(Stored data entries)

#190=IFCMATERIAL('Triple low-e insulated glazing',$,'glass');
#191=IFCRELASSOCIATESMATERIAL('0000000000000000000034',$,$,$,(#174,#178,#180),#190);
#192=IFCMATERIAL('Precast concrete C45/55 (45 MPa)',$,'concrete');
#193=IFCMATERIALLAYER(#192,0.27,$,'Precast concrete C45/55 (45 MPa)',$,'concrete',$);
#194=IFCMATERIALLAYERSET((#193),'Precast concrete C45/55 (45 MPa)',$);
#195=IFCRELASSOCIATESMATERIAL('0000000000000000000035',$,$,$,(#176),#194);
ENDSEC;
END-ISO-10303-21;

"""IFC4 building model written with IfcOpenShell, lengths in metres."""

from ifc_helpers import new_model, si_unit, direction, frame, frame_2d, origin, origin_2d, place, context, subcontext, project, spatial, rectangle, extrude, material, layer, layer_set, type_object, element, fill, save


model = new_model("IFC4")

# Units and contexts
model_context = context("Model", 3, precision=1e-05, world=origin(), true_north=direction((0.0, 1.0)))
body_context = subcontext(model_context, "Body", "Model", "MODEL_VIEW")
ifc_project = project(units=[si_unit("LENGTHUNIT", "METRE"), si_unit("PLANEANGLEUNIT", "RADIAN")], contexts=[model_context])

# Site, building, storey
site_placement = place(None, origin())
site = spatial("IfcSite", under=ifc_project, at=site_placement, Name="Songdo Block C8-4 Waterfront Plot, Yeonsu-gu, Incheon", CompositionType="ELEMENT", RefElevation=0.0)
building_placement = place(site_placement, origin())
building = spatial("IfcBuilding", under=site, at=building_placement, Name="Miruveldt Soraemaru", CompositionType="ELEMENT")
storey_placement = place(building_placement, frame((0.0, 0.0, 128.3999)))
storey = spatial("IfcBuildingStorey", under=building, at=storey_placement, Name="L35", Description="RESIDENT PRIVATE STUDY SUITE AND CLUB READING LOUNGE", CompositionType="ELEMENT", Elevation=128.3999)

◆ What to do ◆
Nothing should be returned except the lines from the first line of the data above through the line with "#193=IFCMATERIALLAYER(#192,0.27,$,'Precast concrete C45/55", each one exact.

◆ Written reply ◆
#190=IFCMATERIAL('Triple low-e insulated glazing',$,'glass');
#191=IFCRELASSOCIATESMATERIAL('0000000000000000000034',$,$,$,(#174,#178,#180),#190);
#192=IFCMATERIAL('Precast concrete C45/55 (45 MPa)',$,'concrete');
#193=IFCMATERIALLAYER(#192,0.27,$,'Precast concrete C45/55 (45 MPa)',$,'concrete',$);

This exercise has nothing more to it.